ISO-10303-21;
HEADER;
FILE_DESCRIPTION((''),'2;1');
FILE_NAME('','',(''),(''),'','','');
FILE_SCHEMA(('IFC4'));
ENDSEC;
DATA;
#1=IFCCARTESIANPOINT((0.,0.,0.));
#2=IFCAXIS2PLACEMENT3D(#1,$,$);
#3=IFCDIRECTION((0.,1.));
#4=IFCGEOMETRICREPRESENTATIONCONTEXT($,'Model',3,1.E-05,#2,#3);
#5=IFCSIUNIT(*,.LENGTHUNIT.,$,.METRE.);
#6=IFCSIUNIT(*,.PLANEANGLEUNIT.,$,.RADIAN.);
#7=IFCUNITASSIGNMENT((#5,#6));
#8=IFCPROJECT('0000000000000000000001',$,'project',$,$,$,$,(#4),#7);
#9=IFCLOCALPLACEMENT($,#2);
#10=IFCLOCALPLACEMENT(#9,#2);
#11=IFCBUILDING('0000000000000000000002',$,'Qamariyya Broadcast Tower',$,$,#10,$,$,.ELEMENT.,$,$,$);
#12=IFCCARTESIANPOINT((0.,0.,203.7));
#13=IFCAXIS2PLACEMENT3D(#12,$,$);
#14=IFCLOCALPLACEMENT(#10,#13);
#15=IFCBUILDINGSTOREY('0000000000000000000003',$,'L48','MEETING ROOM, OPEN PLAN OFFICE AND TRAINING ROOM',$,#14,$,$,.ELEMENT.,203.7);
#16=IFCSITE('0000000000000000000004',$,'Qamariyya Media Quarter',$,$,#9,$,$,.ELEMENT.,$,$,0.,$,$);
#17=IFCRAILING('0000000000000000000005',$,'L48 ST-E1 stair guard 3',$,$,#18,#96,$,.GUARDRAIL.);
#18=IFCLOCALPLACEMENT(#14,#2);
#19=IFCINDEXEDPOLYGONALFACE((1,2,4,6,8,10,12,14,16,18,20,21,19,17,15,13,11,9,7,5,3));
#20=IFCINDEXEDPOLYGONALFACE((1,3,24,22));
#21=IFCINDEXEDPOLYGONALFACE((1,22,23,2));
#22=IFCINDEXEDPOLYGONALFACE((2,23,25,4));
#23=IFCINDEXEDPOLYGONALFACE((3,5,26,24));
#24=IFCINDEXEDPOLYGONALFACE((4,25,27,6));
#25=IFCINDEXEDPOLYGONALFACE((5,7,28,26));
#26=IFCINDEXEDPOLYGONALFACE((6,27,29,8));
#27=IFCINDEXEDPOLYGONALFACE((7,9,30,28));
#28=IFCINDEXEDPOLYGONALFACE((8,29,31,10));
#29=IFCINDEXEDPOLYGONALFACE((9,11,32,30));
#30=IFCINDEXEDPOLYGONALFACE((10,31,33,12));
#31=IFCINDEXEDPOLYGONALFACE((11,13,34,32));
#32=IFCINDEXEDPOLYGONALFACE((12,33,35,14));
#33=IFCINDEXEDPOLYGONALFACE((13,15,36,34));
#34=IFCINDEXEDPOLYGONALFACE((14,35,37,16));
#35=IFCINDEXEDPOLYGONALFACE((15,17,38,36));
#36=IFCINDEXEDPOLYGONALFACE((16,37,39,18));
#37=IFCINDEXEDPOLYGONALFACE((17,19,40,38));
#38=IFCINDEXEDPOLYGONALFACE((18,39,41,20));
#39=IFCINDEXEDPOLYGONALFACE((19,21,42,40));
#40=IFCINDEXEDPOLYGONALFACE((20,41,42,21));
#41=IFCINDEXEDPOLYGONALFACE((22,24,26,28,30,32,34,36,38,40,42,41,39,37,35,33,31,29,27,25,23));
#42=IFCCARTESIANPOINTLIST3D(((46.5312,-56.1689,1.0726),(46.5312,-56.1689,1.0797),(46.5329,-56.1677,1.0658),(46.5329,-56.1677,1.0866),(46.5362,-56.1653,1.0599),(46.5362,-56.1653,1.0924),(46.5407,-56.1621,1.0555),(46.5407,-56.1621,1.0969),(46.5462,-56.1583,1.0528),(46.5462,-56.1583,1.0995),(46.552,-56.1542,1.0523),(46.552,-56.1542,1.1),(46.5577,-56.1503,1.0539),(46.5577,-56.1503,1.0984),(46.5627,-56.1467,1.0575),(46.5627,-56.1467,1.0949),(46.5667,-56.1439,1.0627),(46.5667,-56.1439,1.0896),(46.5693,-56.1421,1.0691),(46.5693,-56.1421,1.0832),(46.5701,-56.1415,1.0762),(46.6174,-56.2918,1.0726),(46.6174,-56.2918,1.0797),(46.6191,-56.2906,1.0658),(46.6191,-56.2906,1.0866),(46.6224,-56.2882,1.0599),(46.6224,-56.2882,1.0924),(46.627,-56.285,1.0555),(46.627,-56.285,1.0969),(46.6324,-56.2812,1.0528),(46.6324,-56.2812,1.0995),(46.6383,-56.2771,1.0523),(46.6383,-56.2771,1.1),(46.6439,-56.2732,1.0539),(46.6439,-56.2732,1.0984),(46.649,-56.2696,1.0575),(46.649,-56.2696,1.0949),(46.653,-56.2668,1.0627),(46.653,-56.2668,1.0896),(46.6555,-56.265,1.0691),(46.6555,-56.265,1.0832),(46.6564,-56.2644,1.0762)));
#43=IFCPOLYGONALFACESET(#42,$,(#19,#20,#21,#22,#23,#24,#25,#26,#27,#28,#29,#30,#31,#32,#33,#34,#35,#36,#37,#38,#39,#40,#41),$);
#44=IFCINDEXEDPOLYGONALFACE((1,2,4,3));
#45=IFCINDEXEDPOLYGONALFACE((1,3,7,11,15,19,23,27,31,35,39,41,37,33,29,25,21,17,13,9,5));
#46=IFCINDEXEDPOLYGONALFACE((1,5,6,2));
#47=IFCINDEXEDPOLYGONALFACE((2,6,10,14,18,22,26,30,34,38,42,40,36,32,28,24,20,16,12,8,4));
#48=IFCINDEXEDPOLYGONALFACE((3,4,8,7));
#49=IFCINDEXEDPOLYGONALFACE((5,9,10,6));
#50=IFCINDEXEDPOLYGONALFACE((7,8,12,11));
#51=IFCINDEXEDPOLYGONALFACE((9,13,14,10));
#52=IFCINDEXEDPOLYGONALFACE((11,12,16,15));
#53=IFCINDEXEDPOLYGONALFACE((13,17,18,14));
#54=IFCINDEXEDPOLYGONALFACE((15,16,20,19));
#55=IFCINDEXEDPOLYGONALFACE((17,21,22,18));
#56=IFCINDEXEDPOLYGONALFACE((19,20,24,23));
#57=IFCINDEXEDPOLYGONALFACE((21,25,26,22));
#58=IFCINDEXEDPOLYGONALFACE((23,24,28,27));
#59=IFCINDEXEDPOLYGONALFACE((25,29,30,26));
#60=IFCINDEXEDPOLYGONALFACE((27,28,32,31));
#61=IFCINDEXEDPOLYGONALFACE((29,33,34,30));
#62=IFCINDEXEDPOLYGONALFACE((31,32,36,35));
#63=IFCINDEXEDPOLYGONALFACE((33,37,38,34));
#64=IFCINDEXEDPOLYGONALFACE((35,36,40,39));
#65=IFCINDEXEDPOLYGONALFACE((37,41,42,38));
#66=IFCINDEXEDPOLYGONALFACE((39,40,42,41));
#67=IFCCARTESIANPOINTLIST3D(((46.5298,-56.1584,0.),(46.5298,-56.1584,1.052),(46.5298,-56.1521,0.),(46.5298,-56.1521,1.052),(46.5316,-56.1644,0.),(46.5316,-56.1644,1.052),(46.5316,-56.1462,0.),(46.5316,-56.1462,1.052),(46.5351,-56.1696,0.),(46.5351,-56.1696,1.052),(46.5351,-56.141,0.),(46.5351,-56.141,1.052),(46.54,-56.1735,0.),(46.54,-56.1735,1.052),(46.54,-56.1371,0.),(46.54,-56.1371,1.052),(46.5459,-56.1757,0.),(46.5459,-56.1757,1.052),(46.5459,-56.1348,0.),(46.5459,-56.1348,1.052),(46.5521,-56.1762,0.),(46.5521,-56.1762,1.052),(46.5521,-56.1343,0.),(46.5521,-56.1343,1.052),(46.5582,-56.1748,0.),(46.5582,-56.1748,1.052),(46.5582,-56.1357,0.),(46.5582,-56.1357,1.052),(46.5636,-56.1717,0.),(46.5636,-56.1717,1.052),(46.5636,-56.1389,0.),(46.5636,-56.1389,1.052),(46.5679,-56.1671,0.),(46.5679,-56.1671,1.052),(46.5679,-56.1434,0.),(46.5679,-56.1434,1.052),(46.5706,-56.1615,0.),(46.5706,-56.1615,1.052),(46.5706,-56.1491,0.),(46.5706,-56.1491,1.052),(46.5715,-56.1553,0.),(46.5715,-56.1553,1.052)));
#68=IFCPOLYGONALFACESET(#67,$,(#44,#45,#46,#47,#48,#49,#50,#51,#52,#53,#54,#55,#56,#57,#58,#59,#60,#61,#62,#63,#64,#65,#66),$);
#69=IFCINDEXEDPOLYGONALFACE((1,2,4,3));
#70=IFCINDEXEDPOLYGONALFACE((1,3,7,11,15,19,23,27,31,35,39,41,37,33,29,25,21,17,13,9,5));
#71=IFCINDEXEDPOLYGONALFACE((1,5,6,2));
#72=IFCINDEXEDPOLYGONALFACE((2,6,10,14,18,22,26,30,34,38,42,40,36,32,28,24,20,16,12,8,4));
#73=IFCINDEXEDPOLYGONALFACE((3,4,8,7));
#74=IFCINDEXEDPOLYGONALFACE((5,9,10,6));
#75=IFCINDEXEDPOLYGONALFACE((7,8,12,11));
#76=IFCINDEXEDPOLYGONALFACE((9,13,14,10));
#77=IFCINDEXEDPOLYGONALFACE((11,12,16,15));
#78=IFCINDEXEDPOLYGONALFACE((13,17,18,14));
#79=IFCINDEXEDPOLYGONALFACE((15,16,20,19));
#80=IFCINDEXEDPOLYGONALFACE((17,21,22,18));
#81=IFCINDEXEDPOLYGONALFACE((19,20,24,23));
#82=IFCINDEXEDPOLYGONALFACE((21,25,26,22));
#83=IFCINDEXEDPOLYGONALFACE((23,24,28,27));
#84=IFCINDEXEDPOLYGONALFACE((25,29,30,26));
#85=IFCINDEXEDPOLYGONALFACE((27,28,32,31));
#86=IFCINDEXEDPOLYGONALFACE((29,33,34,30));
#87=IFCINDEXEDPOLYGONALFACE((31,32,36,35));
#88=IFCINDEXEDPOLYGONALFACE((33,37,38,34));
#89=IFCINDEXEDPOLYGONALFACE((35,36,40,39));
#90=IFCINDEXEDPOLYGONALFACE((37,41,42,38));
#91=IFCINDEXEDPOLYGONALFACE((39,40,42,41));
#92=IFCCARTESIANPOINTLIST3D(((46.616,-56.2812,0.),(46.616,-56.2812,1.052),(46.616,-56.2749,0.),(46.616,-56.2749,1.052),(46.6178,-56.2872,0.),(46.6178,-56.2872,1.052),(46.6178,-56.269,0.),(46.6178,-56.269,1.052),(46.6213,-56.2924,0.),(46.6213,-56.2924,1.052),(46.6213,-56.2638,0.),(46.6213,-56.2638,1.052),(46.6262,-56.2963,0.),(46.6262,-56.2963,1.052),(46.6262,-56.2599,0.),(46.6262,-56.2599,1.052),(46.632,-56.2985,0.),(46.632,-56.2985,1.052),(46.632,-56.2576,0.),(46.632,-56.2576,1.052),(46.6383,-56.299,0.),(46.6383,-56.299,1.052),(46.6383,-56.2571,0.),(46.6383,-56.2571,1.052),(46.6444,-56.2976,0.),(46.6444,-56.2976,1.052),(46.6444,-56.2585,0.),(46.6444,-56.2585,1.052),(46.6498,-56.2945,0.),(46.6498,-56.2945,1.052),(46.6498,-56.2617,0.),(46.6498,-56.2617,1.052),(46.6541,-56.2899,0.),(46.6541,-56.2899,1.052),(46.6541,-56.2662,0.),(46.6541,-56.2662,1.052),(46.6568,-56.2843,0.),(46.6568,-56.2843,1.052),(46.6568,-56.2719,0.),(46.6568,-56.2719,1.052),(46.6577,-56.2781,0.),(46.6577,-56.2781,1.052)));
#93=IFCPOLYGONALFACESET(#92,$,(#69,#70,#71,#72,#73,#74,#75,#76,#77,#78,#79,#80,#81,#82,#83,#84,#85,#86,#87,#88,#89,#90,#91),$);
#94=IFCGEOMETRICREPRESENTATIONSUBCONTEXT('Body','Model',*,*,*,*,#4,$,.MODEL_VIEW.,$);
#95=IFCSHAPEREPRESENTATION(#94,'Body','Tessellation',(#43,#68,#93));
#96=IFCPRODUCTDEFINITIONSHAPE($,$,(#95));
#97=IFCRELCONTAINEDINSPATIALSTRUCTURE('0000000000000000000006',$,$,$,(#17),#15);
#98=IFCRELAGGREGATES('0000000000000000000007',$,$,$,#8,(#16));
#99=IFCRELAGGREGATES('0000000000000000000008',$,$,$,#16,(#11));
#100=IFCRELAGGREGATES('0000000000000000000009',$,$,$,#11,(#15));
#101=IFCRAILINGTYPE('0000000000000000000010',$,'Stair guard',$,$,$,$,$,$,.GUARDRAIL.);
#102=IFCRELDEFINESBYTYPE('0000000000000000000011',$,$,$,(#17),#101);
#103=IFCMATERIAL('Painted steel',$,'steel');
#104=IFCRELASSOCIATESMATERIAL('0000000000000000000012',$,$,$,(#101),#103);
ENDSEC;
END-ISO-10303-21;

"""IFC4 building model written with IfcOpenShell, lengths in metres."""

from ifc_helpers import new_model, si_unit, direction, frame, origin, origin_2d, place, context, subcontext, project, spatial, circle, extrude, material, type_object, element, save


model = new_model("IFC4")

# Units and contexts
model_context = context("Model", 3, precision=1e-05, world=origin(), true_north=direction((0.0, 1.0)))
body_context = subcontext(model_context, "Body", "Model", "MODEL_VIEW")
ifc_project = project(units=[si_unit("LENGTHUNIT", "METRE"), si_unit("PLANEANGLEUNIT", "RADIAN")], contexts=[model_context])

# Site, building, storey
site_placement = place(None, origin())
site = spatial("IfcSite", under=ifc_project, at=site_placement, Name="Qamariyya Media Quarter", CompositionType="ELEMENT", RefElevation=0.0)
building_placement = place(site_placement, origin())
building = spatial("IfcBuilding", under=site, at=building_placement, Name="Qamariyya Broadcast Tower", CompositionType="ELEMENT")
storey_placement = place(building_placement, frame((0.0, 0.0, 203.7)))
storey = spatial("IfcBuildingStorey", under=building, at=storey_placement, Name="L48", Description="MEETING ROOM, OPEN PLAN OFFICE AND TRAINING ROOM", CompositionType="ELEMENT", Elevation=203.7)

# Railing
ifc_material_1 = material(Name="Painted steel", Category="steel")
railing_type_1 = type_object("IfcRailingType", Name="Stair guard", PredefinedType="GUARDRAIL", material=ifc_material_1)
railing_1_placement = place(storey_placement, frame((46.5505, -56.1553, 0.0)))
element("IfcRailing", 1, at=railing_1_placement, inside=storey, type_object=railing_type_1, Name="L48 ST-E1 stair guard 3", PredefinedType="GUARDRAIL", context=body_context, shape_type="SweptSolid", body=[
    extrude(circle(Radius=0.0239, at=origin_2d()), frame((0.0, 0.0, 1.0762), z_axis=(0.574445, -0.818543, 0.0), x_axis=(0.818543, 0.574445, 0.0)), (0.0, 0.0, 1.0), 0.1501),
    extrude(circle(Radius=0.021, at=origin_2d()), origin(), (0.0, 0.0, 1.0), 1.052),
    extrude(circle(Radius=0.021, at=origin_2d()), frame((0.0862, -0.1228, 0.0)), (0.0, 0.0, 1.0), 1.052),
])

save(model, "model.ifc")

* **WORK REQUEST**
I'd like the lines above from the one with "#84=IFCINDEXEDPOLYGONALFACE((25,29,30,26));" up to and including the one with "#91=IFCINDEXEDPOLYGONALFACE((39,40,42,41));" copied exactly, with no other lines.

* **SOLUTION FOR THIS PROBLEM**
#84=IFCINDEXEDPOLYGONALFACE((25,29,30,26));
#85=IFCINDEXEDPOLYGONALFACE((27,28,32,31));
#86=IFCINDEXEDPOLYGONALFACE((29,33,34,30));
#87=IFCINDEXEDPOLYGONALFACE((31,32,36,35));
#88=IFCINDEXEDPOLYGONALFACE((33,37,38,34));
#89=IFCINDEXEDPOLYGONALFACE((35,36,40,39));
#90=IFCINDEXEDPOLYGONALFACE((37,41,42,38));
#91=IFCINDEXEDPOLYGONALFACE((39,40,42,41));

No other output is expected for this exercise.